● Work task
In the entries below, count the lines that contain the word "IFCLOCALPLACEMENT" and give only that number.

===== Stored data

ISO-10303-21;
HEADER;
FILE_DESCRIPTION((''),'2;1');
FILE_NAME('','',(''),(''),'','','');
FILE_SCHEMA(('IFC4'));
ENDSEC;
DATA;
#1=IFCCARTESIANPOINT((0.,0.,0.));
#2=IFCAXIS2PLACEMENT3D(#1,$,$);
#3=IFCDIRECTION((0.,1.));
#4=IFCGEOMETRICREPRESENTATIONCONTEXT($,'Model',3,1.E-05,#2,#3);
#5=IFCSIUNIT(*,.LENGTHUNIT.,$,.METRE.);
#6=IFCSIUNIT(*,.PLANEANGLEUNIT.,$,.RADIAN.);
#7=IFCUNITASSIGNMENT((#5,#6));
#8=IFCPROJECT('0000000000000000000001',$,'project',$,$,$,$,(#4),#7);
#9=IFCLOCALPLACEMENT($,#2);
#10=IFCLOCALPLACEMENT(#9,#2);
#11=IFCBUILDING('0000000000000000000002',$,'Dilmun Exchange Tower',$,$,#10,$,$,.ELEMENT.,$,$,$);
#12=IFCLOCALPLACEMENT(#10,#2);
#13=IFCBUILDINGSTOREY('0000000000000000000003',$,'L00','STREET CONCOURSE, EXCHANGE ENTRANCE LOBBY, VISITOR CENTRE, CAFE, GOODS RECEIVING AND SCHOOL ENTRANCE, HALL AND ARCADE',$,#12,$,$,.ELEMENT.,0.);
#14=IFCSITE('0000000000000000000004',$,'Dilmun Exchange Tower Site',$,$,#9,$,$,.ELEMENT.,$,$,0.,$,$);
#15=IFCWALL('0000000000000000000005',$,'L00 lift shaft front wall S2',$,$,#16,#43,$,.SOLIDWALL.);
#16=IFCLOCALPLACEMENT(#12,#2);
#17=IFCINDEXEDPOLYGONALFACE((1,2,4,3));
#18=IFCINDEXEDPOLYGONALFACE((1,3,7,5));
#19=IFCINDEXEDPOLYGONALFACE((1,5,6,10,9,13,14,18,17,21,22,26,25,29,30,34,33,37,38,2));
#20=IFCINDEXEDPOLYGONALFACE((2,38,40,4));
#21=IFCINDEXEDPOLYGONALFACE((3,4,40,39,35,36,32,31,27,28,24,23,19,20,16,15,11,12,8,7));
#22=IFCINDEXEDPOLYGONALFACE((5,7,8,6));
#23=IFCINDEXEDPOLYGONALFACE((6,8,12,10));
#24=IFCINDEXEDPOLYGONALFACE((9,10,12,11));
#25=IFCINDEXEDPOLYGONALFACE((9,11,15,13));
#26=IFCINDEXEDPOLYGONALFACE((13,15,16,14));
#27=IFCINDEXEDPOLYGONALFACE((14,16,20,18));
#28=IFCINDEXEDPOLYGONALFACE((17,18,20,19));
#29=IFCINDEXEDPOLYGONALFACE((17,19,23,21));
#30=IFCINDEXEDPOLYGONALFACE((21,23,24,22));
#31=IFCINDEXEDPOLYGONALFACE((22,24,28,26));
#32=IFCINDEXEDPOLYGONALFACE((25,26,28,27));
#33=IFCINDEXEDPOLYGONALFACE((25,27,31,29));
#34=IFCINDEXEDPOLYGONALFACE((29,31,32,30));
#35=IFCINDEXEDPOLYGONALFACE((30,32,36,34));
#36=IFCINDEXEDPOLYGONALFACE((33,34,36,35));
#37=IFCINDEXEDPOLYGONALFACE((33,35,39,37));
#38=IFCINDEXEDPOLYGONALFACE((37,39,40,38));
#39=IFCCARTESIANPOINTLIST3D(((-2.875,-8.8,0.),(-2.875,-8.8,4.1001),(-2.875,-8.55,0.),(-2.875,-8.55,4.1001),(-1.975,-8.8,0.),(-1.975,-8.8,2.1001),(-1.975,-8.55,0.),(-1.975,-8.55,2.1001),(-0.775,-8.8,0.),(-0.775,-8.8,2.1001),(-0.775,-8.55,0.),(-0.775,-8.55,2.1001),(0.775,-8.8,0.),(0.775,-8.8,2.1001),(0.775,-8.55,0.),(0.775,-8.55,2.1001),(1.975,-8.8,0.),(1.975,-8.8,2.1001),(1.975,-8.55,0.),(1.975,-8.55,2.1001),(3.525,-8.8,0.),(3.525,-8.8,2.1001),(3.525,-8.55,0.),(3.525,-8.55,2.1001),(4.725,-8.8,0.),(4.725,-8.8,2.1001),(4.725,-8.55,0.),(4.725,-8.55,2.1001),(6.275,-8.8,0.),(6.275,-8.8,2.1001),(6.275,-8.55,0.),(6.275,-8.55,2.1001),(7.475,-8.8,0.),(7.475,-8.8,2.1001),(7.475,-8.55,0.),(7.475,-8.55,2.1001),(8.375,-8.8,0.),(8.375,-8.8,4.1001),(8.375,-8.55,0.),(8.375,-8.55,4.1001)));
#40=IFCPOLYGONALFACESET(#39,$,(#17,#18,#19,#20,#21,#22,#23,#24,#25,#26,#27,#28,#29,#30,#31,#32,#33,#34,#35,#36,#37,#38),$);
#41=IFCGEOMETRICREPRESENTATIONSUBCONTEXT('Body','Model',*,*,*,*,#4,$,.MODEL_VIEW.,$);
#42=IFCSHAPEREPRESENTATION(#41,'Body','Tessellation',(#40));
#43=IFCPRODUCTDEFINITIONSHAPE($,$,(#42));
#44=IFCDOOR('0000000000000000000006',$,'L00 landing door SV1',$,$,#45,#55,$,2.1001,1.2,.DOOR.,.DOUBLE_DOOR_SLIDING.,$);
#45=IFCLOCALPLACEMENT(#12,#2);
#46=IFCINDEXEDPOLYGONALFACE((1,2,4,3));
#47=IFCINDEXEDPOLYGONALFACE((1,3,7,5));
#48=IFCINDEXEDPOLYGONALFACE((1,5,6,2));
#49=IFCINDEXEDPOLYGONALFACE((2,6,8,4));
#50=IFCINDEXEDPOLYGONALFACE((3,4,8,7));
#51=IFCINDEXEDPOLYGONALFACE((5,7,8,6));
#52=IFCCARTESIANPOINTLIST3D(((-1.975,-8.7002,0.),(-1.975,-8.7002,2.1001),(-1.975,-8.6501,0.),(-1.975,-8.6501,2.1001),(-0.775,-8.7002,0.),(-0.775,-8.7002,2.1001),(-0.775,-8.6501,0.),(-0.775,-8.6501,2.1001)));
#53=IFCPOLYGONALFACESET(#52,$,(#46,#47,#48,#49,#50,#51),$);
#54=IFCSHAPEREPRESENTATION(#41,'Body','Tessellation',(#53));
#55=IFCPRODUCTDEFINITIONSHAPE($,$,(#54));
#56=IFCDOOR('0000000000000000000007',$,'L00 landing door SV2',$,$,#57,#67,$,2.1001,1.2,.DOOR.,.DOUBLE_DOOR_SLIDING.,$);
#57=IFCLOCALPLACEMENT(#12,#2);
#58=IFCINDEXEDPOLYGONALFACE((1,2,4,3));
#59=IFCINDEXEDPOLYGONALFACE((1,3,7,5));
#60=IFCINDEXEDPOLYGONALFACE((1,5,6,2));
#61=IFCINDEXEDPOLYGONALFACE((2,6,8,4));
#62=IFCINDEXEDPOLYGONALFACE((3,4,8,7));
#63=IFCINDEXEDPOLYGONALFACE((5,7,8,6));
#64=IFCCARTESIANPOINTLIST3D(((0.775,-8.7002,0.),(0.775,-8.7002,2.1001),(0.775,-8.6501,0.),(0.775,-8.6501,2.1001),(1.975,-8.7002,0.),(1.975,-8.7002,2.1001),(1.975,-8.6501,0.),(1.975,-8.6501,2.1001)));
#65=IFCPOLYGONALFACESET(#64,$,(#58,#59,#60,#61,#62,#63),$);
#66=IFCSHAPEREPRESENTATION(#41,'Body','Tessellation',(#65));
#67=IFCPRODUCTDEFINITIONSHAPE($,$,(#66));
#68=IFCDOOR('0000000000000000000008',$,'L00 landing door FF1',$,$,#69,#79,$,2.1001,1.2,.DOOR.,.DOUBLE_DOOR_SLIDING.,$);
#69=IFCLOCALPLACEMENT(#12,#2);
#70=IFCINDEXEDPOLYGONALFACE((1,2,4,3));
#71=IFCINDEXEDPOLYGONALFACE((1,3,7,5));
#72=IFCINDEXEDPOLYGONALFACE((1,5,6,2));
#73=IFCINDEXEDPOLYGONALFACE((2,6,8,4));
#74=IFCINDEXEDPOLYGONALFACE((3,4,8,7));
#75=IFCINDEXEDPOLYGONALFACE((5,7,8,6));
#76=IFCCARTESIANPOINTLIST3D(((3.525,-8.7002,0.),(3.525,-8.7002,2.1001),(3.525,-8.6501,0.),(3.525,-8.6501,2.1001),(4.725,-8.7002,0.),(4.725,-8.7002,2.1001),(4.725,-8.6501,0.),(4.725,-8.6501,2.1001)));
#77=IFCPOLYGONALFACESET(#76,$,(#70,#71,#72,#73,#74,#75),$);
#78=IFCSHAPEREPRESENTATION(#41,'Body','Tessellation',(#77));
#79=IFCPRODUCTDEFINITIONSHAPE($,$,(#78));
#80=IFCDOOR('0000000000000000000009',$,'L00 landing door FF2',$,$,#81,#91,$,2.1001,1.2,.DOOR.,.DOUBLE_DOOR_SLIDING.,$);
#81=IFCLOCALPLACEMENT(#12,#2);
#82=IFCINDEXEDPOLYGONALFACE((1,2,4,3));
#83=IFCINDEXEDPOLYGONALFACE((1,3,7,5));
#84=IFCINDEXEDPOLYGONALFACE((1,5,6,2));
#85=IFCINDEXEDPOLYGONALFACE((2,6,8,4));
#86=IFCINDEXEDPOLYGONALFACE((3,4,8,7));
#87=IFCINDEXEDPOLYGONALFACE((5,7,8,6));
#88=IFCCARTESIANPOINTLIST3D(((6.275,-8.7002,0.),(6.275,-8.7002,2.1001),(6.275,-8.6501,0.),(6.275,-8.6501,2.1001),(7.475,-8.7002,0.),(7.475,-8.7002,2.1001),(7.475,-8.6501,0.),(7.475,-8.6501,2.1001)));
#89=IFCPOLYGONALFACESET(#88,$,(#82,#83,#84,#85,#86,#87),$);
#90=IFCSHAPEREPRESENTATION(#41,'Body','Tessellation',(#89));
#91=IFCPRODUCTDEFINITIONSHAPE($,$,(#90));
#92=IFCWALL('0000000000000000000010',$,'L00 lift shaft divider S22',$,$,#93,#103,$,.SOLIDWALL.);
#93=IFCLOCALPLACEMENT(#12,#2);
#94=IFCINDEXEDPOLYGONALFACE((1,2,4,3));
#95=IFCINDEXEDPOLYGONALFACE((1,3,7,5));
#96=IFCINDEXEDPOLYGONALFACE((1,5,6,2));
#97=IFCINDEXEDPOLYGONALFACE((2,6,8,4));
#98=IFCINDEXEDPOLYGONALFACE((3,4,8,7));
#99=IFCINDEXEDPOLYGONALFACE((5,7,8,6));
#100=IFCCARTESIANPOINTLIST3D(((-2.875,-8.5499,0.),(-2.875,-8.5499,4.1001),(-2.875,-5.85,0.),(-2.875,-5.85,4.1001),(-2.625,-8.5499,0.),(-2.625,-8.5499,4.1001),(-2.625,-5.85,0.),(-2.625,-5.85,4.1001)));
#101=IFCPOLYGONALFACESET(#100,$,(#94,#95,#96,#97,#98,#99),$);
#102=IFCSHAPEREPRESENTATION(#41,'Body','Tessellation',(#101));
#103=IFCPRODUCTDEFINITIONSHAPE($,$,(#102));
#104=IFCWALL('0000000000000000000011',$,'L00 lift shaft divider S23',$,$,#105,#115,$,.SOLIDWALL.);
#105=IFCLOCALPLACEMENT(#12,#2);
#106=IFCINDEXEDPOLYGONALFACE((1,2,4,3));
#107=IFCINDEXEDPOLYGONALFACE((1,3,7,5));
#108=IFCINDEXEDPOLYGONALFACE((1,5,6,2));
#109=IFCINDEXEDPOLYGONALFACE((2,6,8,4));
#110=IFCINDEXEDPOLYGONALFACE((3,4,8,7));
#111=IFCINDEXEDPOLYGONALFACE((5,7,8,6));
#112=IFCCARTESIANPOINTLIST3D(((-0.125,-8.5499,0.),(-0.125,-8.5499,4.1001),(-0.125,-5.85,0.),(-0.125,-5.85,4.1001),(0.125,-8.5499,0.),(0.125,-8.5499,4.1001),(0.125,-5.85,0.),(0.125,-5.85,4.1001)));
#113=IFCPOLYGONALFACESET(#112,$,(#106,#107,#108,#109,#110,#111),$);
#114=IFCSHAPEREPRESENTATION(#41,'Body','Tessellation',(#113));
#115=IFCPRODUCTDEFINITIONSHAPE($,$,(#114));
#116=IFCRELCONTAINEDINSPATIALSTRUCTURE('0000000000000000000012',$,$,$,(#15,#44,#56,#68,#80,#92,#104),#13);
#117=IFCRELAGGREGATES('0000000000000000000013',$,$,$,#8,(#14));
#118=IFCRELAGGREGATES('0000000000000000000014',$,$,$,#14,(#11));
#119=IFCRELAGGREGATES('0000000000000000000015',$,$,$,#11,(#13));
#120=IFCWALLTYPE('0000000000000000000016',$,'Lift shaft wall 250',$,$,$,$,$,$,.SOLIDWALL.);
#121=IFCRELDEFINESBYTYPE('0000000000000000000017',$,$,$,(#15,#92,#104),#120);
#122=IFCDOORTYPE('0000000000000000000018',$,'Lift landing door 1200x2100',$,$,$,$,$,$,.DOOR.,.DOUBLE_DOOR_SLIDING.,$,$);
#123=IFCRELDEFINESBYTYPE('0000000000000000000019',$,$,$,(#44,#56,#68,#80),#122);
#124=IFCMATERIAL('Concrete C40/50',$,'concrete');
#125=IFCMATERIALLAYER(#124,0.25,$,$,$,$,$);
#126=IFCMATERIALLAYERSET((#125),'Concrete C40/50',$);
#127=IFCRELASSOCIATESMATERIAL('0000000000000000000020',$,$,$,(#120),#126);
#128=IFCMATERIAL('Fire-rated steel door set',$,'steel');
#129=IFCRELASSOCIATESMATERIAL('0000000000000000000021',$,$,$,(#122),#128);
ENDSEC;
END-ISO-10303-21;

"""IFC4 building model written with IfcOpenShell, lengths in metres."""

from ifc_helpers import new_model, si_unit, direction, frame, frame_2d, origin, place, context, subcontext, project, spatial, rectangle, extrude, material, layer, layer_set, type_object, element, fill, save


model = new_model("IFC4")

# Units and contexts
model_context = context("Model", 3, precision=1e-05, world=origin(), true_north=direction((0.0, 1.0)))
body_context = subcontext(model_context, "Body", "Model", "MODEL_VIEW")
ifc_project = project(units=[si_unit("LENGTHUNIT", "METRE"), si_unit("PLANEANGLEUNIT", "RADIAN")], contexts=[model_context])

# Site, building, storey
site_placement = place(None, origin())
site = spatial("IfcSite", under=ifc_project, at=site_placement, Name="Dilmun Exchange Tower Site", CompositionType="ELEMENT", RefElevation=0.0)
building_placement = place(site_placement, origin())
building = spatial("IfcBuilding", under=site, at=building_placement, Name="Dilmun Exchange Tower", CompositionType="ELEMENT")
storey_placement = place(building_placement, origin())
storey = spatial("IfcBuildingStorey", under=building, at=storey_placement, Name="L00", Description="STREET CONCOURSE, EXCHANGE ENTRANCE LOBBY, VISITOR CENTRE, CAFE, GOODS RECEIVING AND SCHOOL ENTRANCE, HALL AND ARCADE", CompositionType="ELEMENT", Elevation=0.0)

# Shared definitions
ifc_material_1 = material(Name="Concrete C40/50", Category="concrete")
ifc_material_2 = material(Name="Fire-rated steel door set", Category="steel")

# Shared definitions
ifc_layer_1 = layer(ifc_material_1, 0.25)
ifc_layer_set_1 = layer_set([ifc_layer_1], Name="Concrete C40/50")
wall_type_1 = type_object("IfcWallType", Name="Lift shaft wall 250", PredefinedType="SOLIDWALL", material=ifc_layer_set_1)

==========
===== Stored data

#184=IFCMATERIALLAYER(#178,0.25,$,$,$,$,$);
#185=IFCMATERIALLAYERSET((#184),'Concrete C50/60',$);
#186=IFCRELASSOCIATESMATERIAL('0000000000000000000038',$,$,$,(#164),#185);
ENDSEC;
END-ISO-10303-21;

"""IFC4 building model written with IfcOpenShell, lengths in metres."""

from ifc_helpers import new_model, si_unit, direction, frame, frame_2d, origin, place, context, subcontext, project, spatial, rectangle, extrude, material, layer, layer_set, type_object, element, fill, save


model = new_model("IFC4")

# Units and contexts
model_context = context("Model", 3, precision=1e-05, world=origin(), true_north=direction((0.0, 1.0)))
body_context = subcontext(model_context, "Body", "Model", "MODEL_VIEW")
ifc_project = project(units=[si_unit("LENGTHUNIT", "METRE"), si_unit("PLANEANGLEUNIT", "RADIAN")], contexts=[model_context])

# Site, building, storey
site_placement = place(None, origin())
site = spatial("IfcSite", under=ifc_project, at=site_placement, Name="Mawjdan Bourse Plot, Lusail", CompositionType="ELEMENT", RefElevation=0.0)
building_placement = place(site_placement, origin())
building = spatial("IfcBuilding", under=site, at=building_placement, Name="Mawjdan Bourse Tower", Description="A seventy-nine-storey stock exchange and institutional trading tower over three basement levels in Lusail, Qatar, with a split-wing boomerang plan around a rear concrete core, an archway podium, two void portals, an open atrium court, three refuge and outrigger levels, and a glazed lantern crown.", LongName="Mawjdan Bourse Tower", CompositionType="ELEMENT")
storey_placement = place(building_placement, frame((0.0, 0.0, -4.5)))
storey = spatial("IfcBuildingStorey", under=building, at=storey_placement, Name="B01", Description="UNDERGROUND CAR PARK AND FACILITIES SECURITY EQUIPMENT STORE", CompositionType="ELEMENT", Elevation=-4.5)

==========
===== Stored data

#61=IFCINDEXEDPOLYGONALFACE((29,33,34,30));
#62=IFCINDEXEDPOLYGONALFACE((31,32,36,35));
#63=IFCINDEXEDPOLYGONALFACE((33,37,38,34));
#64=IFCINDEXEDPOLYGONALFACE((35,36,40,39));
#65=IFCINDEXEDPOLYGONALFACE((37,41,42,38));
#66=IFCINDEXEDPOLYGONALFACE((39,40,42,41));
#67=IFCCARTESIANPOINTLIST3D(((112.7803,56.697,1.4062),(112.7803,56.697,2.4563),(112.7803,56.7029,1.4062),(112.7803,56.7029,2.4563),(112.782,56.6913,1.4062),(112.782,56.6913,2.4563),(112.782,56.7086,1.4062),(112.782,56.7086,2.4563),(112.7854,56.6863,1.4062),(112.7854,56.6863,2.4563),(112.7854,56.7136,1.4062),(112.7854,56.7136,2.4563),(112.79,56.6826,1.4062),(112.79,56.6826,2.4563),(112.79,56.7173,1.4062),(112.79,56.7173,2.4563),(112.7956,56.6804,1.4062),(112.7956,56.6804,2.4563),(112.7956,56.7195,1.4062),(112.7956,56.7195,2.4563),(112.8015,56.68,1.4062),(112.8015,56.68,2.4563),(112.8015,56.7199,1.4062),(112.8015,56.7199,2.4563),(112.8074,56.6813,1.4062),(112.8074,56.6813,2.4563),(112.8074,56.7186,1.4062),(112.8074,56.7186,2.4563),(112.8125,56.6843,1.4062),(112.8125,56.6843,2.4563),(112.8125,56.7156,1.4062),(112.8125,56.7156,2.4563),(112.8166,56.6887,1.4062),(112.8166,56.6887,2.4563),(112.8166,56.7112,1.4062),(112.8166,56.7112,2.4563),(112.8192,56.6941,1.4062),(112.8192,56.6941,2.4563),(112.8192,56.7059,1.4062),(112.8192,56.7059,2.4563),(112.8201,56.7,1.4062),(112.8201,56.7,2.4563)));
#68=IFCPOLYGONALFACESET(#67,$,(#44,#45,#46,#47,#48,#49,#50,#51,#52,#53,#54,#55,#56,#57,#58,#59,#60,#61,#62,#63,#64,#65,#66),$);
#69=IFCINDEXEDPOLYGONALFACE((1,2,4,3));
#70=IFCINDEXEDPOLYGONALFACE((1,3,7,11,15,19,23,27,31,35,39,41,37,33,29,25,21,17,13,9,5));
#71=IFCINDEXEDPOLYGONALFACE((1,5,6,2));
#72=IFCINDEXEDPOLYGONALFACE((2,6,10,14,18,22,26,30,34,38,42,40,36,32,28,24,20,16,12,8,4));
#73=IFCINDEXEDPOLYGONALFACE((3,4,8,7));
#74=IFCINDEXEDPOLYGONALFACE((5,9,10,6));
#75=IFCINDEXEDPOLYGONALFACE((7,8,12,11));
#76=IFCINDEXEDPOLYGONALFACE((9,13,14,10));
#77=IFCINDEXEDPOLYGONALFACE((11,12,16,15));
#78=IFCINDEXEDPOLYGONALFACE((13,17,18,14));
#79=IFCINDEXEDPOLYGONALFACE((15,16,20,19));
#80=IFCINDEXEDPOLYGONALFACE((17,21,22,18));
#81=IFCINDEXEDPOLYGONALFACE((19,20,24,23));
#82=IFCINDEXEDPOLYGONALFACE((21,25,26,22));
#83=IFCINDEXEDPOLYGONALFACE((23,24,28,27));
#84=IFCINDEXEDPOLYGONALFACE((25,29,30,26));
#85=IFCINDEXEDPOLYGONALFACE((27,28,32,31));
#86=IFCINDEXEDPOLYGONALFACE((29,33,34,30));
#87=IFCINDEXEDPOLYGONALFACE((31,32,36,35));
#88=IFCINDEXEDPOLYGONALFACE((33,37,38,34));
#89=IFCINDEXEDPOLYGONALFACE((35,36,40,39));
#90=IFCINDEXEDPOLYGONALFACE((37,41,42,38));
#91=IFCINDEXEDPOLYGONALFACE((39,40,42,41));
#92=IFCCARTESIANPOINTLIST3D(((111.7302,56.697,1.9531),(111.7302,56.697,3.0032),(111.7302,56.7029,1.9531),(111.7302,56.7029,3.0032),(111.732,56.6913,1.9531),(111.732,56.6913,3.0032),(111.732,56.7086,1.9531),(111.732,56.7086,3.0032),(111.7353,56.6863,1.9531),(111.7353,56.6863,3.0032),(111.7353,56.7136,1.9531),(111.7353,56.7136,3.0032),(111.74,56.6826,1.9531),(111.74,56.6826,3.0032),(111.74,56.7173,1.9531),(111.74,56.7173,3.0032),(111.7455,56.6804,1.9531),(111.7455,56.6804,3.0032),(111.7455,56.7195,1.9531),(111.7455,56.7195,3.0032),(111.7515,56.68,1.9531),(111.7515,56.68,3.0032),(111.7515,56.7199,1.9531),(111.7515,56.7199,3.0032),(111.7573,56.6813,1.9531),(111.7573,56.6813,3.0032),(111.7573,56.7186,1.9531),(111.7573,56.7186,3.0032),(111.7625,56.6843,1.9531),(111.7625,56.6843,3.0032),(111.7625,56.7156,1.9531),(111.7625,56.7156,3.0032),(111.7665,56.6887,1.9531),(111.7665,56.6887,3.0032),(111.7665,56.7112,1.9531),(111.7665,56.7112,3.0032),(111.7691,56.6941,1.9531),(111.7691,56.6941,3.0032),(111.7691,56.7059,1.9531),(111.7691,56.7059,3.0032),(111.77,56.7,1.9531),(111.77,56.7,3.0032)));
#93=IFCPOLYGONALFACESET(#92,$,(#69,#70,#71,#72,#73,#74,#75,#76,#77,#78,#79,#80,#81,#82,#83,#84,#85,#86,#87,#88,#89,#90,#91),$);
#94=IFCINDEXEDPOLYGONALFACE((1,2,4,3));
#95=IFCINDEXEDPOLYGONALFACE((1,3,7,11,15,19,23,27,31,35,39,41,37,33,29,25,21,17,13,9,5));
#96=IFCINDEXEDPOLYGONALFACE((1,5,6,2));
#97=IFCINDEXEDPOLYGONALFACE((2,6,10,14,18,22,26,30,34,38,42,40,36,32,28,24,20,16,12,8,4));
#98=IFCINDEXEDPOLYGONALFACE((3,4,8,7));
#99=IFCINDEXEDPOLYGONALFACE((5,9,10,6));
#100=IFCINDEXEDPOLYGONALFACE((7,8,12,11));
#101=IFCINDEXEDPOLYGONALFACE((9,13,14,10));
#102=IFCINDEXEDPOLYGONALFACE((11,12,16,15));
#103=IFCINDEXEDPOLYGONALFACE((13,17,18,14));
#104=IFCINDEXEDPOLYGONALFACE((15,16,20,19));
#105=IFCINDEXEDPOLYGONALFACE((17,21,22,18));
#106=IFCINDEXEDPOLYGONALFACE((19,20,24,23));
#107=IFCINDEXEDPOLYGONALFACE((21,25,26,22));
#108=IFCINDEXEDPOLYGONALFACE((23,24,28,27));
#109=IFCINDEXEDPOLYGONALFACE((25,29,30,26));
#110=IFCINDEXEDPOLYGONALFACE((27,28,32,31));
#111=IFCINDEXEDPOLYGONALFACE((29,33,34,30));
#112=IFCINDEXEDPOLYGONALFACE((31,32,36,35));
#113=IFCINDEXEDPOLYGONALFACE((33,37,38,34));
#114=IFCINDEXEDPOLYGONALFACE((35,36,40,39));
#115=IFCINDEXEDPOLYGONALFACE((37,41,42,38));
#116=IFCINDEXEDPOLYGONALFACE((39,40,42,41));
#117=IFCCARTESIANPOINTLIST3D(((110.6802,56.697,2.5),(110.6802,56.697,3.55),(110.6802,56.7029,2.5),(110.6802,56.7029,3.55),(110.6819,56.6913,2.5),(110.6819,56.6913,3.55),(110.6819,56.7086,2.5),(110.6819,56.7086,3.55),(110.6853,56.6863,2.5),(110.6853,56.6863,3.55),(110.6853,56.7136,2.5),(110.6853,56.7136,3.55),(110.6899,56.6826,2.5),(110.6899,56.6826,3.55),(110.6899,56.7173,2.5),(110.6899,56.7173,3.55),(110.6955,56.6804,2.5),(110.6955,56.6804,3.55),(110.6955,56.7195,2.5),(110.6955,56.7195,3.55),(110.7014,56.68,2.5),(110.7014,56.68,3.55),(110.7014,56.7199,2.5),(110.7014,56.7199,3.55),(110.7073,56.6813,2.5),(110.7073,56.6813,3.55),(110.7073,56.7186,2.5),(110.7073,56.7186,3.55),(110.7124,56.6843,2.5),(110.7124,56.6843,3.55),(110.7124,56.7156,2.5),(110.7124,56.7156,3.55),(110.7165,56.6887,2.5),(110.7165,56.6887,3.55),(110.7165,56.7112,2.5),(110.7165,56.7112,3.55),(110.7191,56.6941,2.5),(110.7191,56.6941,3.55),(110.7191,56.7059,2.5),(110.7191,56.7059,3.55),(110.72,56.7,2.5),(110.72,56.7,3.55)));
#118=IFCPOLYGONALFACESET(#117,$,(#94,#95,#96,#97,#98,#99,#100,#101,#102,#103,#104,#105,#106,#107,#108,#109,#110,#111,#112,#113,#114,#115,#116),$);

==========

● Task answer
10